Required work
Nothing should be output except the lines from the top of the material below through the line that contains "#25=IFCINDEXEDPOLYGONALFACE((7,11,13,9));", each exactly as written.
- Opening Delimiter -
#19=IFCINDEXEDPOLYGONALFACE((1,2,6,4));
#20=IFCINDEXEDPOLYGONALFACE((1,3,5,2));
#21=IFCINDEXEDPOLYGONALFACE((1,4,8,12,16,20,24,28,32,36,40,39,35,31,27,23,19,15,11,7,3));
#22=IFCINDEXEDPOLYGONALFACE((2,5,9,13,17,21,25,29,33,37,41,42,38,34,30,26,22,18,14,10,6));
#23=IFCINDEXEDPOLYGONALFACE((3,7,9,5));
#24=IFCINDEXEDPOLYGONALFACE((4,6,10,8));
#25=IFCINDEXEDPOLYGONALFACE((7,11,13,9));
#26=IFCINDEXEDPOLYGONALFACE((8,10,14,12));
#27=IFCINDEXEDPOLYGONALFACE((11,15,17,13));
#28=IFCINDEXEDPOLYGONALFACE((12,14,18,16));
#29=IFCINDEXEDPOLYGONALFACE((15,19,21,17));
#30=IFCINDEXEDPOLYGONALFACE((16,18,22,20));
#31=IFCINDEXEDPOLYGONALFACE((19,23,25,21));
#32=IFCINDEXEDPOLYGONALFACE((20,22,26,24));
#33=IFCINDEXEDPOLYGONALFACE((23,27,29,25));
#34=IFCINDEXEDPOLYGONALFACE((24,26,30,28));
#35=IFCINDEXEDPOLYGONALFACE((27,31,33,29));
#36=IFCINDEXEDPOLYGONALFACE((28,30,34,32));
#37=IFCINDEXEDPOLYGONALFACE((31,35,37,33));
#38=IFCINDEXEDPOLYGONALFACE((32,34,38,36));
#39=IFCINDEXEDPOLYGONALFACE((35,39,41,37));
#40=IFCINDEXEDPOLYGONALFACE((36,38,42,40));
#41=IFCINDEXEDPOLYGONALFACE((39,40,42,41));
- Closing Delimiter -
Your solution
#19=IFCINDEXEDPOLYGONALFACE((1,2,6,4));
#20=IFCINDEXEDPOLYGONALFACE((1,3,5,2));
#21=IFCINDEXEDPOLYGONALFACE((1,4,8,12,16,20,24,28,32,36,40,39,35,31,27,23,19,15,11,7,3));
#22=IFCINDEXEDPOLYGONALFACE((2,5,9,13,17,21,25,29,33,37,41,42,38,34,30,26,22,18,14,10,6));
#23=IFCINDEXEDPOLYGONALFACE((3,7,9,5));
#24=IFCINDEXEDPOLYGONALFACE((4,6,10,8));
#25=IFCINDEXEDPOLYGONALFACE((7,11,13,9));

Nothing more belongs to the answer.